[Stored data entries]
------------------------
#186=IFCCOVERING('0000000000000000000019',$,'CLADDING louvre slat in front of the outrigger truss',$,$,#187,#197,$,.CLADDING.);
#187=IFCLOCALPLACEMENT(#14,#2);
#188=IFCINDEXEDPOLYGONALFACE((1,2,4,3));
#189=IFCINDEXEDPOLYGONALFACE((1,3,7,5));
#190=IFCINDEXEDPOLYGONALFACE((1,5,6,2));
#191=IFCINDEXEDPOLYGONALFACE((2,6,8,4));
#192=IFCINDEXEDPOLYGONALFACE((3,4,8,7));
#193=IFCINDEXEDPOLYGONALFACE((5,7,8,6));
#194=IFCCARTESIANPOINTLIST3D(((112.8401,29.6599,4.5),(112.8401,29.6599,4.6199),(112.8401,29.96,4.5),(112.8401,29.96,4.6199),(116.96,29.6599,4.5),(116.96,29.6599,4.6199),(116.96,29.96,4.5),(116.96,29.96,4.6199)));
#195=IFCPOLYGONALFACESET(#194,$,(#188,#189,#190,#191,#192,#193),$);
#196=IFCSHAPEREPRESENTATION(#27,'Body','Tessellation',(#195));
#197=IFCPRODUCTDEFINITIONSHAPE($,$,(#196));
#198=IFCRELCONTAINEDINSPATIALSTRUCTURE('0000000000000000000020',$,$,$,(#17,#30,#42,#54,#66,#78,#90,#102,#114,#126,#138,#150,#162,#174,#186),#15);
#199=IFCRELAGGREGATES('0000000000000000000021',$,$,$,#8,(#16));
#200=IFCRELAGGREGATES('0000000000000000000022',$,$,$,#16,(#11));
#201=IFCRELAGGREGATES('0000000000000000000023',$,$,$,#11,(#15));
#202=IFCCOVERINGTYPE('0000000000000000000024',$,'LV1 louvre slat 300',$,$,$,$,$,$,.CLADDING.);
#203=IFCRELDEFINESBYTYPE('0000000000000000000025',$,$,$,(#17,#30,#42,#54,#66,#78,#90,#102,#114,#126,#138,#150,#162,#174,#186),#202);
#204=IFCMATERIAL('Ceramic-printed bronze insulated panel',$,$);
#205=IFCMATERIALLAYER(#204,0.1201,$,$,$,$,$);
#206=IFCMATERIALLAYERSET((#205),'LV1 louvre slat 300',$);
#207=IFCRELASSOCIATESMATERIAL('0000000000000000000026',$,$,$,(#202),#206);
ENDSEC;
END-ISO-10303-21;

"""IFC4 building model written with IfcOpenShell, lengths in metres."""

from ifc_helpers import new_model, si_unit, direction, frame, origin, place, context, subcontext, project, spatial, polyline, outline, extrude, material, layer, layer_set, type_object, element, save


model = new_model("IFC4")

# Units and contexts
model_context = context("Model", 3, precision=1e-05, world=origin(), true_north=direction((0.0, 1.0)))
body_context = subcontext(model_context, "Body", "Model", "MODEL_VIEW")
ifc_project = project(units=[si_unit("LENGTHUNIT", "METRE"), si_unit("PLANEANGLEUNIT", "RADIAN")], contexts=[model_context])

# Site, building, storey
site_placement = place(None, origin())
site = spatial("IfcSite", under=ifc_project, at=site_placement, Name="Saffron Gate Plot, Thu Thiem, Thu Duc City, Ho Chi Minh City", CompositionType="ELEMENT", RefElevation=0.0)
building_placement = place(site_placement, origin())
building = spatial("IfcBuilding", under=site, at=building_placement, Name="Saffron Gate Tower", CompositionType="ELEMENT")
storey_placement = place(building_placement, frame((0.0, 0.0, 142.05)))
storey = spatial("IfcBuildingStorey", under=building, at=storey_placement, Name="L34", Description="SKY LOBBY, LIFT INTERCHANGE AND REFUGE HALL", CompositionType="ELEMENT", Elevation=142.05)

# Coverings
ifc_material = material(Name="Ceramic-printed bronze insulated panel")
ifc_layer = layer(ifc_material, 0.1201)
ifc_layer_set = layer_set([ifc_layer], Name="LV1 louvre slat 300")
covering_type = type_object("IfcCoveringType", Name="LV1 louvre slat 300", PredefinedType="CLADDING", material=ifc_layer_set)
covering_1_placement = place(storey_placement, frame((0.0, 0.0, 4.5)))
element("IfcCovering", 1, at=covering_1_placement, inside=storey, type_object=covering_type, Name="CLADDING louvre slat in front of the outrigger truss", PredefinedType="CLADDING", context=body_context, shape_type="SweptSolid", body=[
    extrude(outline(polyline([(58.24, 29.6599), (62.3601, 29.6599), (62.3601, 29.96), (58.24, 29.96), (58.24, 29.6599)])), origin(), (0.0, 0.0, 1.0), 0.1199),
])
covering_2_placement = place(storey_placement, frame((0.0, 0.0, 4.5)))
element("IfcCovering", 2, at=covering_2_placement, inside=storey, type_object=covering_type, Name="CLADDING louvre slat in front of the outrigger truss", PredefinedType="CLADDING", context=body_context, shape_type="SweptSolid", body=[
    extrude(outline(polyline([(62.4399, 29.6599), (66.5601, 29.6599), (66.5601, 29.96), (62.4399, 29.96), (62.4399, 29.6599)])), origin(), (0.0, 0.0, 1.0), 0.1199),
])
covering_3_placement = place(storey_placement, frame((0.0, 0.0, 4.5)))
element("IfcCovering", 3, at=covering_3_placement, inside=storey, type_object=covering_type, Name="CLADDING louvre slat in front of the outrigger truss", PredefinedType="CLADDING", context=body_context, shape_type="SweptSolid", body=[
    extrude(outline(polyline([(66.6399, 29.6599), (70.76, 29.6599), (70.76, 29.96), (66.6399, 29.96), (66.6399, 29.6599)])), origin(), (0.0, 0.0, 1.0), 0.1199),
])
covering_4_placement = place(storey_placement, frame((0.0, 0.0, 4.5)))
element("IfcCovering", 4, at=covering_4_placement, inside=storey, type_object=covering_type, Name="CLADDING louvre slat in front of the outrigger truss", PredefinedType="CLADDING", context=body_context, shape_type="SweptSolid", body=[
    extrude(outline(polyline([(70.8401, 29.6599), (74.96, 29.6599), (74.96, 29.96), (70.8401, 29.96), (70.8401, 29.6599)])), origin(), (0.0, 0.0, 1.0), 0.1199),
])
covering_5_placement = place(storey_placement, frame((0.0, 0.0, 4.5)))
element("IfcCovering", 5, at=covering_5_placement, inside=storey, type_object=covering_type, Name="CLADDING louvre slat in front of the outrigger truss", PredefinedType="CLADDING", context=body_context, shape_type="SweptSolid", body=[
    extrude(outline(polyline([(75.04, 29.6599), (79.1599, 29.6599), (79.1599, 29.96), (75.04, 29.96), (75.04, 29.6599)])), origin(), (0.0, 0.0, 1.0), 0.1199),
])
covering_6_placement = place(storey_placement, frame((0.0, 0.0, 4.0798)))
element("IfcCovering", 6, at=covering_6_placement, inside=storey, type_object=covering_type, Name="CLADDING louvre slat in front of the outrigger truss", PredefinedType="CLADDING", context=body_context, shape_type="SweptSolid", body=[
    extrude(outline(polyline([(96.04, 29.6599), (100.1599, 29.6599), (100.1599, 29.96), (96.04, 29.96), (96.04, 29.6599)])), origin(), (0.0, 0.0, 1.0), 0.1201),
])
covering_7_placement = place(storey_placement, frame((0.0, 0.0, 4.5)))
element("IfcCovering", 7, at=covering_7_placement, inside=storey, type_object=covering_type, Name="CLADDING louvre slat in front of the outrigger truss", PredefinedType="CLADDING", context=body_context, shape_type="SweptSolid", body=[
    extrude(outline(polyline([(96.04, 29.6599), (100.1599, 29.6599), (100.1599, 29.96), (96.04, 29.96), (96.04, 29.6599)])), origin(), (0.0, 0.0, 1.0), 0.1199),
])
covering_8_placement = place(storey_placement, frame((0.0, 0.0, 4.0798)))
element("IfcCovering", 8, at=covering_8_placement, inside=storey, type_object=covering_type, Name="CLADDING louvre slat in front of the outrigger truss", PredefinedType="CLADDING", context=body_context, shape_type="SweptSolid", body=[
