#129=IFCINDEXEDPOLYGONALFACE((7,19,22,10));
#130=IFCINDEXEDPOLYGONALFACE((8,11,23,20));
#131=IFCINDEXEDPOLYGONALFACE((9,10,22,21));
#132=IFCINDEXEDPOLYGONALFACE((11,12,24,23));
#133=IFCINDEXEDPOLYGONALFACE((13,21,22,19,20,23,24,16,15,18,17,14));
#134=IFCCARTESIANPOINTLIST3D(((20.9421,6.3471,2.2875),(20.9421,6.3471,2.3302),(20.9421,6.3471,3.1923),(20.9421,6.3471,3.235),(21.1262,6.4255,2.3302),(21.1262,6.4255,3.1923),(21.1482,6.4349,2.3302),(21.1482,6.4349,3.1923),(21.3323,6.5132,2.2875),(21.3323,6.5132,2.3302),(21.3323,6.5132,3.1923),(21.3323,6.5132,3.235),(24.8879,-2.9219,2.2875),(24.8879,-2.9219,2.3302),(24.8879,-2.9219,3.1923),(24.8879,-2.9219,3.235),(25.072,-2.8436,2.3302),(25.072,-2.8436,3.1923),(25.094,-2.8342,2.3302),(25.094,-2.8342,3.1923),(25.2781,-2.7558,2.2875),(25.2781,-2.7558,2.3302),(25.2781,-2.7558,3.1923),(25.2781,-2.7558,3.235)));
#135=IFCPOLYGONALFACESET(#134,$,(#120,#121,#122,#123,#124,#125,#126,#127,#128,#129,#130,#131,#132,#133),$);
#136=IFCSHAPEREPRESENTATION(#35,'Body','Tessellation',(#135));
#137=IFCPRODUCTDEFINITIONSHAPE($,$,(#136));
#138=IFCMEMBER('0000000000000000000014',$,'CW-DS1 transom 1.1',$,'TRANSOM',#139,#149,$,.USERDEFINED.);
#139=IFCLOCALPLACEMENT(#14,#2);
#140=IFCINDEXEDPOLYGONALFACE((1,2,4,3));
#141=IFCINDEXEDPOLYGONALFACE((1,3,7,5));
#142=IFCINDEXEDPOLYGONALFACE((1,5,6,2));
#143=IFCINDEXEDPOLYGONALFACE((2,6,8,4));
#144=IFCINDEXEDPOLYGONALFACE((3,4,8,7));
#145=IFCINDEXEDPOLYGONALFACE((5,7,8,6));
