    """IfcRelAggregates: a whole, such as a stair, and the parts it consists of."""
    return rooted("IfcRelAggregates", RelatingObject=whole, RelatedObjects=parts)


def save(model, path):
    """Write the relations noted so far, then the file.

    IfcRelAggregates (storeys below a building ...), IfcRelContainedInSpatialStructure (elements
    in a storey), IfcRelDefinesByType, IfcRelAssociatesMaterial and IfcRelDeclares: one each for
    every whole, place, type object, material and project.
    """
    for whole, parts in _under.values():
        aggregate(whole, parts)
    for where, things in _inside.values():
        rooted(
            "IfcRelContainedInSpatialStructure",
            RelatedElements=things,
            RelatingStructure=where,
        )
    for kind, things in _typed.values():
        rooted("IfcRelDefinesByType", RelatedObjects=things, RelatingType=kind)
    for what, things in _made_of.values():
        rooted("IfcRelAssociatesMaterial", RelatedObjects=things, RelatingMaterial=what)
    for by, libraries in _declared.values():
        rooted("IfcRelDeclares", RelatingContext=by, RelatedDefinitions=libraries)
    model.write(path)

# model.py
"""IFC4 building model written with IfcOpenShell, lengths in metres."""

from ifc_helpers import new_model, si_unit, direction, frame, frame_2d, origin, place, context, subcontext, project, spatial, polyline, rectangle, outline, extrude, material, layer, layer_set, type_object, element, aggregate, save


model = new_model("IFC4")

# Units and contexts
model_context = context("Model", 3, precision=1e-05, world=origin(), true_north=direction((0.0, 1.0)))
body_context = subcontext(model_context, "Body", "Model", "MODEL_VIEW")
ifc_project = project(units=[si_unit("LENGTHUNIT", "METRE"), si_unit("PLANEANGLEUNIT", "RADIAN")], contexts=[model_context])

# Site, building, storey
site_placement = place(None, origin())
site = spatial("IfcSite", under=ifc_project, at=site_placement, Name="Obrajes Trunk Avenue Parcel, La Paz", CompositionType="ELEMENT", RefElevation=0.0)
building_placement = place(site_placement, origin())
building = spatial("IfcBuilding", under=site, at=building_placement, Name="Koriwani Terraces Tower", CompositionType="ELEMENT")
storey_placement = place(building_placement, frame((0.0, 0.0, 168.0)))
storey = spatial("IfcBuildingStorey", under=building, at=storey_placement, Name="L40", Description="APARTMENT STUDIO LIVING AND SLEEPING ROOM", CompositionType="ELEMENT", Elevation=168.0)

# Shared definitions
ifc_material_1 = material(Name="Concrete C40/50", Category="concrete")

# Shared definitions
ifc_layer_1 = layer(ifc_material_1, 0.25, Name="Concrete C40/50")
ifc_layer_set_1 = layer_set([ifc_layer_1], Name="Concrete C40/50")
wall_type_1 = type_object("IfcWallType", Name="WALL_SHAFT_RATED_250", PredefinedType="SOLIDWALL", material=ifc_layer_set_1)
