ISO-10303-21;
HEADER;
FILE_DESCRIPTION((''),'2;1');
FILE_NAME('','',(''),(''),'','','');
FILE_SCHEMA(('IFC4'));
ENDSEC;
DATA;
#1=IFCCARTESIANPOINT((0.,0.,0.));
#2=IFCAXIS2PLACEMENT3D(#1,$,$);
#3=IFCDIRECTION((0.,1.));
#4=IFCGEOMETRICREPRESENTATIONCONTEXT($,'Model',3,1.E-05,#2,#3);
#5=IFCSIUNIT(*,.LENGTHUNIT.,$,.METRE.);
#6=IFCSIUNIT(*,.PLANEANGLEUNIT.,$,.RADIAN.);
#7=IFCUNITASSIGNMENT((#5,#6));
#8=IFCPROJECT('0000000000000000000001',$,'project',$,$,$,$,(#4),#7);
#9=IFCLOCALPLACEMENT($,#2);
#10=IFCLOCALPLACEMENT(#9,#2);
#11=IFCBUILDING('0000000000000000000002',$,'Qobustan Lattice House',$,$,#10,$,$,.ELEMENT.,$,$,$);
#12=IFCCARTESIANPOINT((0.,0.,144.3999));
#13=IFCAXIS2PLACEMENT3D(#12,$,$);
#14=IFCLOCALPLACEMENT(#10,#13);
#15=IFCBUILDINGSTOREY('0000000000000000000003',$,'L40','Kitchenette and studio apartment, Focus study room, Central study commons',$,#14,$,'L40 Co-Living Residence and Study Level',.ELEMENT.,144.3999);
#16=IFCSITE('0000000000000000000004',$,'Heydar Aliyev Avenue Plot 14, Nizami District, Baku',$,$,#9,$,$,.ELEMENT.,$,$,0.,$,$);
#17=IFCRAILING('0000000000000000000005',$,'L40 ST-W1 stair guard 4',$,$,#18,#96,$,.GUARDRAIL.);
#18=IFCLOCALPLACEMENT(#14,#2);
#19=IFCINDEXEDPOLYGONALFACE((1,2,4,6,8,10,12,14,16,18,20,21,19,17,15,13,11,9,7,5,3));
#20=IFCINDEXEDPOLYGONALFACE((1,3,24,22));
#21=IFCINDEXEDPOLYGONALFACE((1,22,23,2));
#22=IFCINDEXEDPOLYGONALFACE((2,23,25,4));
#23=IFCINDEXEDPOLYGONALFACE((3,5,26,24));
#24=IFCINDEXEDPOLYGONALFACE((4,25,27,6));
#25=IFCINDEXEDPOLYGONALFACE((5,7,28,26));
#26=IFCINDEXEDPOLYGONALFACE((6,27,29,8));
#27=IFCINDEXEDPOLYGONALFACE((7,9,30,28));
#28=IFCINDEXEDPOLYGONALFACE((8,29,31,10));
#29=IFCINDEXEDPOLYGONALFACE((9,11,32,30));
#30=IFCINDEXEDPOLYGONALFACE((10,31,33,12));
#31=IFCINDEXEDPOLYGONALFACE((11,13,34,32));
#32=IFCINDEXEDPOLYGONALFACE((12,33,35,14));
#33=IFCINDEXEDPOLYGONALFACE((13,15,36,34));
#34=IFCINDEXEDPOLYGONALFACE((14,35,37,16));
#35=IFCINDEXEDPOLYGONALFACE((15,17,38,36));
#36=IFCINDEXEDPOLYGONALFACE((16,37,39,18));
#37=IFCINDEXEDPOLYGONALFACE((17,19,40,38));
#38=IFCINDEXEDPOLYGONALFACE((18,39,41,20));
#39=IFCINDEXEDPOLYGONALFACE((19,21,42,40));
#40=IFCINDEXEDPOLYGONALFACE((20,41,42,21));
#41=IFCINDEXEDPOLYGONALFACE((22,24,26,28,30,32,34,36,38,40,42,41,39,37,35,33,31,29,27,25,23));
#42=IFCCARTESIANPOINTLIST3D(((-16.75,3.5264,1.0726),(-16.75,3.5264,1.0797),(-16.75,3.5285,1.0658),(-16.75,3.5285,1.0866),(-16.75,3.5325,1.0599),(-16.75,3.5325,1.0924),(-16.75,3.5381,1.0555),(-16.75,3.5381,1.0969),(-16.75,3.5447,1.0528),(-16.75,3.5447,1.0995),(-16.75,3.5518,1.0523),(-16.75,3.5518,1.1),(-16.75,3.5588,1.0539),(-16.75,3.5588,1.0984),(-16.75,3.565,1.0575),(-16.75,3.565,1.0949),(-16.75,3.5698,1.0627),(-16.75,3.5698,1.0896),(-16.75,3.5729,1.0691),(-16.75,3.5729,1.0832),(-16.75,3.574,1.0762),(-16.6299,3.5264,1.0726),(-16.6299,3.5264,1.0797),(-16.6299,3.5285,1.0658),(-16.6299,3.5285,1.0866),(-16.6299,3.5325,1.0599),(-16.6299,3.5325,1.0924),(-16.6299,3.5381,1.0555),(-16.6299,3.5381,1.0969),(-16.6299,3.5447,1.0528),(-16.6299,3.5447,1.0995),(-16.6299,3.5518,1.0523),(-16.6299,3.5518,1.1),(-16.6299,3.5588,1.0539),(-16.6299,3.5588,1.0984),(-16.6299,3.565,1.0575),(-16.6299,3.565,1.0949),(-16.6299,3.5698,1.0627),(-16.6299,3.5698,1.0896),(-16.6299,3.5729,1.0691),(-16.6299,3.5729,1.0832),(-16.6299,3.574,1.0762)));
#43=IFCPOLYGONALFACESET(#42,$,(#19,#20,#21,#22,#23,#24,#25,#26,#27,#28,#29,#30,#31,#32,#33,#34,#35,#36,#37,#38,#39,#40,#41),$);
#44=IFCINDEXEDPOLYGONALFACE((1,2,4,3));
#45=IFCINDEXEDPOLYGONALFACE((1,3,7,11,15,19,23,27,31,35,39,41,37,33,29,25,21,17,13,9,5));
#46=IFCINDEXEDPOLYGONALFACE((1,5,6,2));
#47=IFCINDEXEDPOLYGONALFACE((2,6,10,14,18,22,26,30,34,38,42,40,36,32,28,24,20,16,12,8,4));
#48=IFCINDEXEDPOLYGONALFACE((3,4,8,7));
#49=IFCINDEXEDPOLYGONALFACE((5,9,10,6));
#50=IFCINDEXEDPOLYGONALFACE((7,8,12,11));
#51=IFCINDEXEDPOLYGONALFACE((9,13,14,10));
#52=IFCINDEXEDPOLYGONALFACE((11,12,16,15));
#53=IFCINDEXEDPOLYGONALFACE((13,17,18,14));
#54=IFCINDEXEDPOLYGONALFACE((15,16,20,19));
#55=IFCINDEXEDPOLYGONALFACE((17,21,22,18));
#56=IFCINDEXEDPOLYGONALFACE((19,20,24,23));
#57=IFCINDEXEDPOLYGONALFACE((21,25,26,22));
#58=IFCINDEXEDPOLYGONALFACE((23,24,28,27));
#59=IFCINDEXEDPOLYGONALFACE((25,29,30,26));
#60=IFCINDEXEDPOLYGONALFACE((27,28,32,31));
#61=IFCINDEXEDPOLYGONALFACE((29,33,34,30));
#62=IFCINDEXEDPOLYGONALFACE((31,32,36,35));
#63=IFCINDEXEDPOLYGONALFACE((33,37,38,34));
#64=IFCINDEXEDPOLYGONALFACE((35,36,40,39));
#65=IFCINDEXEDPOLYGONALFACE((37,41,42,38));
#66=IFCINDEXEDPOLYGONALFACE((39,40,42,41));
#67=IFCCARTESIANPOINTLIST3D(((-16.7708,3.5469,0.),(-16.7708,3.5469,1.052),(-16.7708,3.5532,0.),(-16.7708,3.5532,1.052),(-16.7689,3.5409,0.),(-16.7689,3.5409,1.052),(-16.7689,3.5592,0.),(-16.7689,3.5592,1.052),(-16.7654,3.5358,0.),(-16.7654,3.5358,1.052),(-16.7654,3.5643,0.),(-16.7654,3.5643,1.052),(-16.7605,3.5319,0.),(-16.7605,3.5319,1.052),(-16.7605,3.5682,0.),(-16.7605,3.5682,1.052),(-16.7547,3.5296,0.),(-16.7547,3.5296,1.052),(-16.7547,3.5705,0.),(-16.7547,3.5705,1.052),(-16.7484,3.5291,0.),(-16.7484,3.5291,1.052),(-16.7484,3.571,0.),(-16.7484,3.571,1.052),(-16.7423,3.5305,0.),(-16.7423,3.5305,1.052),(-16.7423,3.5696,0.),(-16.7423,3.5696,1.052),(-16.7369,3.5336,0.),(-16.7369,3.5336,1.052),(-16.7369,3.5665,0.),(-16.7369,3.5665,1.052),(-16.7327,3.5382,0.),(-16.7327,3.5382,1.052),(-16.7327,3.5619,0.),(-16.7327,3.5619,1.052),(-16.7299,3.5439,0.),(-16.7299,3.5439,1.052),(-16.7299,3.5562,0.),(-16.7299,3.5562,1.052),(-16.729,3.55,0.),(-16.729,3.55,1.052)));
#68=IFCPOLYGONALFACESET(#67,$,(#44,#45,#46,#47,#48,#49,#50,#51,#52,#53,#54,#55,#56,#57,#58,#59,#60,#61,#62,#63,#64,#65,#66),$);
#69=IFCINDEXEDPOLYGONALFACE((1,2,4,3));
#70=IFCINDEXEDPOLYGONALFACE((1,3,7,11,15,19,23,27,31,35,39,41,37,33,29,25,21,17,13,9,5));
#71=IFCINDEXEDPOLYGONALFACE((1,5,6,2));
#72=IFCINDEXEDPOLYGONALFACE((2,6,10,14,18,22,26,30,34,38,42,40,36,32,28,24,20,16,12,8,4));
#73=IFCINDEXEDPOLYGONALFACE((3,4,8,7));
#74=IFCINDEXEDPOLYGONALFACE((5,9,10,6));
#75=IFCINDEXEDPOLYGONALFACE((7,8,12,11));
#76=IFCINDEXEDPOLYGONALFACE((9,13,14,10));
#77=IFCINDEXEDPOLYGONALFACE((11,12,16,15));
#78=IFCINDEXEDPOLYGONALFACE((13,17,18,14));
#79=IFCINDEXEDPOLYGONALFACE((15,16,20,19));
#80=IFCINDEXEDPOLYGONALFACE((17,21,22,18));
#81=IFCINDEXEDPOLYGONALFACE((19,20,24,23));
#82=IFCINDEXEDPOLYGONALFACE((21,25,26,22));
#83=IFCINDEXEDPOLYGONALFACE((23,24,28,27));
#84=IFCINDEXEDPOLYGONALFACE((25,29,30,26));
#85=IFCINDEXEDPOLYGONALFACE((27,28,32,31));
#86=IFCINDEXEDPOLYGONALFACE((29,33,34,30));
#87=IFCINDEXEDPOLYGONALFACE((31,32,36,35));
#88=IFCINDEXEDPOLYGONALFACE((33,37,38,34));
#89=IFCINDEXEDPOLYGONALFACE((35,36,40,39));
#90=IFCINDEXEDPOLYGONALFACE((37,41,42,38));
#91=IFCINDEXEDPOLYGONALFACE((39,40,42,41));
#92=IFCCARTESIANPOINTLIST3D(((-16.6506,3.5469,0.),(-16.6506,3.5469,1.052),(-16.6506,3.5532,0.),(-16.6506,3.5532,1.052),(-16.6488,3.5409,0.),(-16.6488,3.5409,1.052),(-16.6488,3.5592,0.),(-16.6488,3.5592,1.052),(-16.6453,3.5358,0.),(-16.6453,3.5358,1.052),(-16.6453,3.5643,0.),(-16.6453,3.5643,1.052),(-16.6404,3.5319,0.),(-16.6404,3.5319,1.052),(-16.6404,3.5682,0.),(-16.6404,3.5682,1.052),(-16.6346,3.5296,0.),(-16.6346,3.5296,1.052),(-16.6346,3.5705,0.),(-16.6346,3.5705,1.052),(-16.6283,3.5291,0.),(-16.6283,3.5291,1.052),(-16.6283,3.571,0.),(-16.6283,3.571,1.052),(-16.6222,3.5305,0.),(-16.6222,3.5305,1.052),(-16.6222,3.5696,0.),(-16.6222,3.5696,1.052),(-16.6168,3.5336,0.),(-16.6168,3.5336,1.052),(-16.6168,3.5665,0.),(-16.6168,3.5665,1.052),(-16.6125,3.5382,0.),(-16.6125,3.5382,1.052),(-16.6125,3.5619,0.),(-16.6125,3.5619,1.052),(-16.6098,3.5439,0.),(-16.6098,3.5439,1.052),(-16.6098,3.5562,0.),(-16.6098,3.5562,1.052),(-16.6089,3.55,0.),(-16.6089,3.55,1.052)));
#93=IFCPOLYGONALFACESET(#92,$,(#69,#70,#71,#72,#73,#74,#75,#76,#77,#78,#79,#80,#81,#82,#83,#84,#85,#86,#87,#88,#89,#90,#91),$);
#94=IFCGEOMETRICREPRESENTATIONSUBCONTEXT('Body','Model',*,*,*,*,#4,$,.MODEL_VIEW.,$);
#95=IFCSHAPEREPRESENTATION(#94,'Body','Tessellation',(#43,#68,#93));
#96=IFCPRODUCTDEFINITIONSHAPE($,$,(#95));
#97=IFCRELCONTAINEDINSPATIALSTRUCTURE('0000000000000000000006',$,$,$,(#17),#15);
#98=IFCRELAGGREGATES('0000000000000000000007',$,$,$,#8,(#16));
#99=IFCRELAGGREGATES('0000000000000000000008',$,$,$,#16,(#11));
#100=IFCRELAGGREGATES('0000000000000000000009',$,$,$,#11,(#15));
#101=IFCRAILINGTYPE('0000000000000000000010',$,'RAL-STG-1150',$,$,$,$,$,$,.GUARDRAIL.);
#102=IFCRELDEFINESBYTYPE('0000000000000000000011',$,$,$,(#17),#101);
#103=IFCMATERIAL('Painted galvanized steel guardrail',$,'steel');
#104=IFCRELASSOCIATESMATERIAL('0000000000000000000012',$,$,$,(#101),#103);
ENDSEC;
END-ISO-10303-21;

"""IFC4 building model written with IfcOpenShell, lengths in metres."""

from ifc_helpers import new_model, si_unit, direction, frame, origin, origin_2d, place, context, subcontext, project, spatial, circle, extrude, material, type_object, element, save


model = new_model("IFC4")

# Units and contexts
model_context = context("Model", 3, precision=1e-05, world=origin(), true_north=direction((0.0, 1.0)))
body_context = subcontext(model_context, "Body", "Model", "MODEL_VIEW")
ifc_project = project(units=[si_unit("LENGTHUNIT", "METRE"), si_unit("PLANEANGLEUNIT", "RADIAN")], contexts=[model_context])

# Site, building, storey
site_placement = place(None, origin())
site = spatial("IfcSite", under=ifc_project, at=site_placement, Name="Heydar Aliyev Avenue Plot 14, Nizami District, Baku", CompositionType="ELEMENT", RefElevation=0.0)
building_placement = place(site_placement, origin())
building = spatial("IfcBuilding", under=site, at=building_placement, Name="Qobustan Lattice House", CompositionType="ELEMENT")
storey_placement = place(building_placement, frame((0.0, 0.0, 144.3999)))
storey = spatial("IfcBuildingStorey", under=building, at=storey_placement, Name="L40", Description="Kitchenette and studio apartment, Focus study room, Central study commons", LongName="L40 Co-Living Residence and Study Level", CompositionType="ELEMENT", Elevation=144.3999)

# Railing
ifc_material_1 = material(Name="Painted galvanized steel guardrail", Category="steel")
railing_type = type_object("IfcRailingType", Name="RAL-STG-1150", PredefinedType="GUARDRAIL", material=ifc_material_1)
railing_1_placement = place(storey_placement, frame((-16.75, 3.55, 0.0)))
element("IfcRailing", 1, at=railing_1_placement, inside=storey, type_object=railing_type, Name="L40 ST-W1 stair guard 4", PredefinedType="GUARDRAIL", context=body_context, shape_type="SweptSolid", body=[
    extrude(circle(Radius=0.0239, at=origin_2d()), frame((0.0, 0.0, 1.0762), z_axis=(1.0, 0.0, 0.0), x_axis=(0.0, 1.0, 0.0)), (0.0, 0.0, 1.0), 0.1201),
    extrude(circle(Radius=0.021, at=origin_2d()), origin(), (0.0, 0.0, 1.0), 1.052),
    extrude(circle(Radius=0.021, at=origin_2d()), frame((0.1201, 0.0, 0.0)), (0.0, 0.0, 1.0), 1.052),
])

save(model, "model.ifc")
------------------------
Only lines with the word "path" count here; copy every one from the records.

Output for this exercise:
def save(model, path):
    model.write(path)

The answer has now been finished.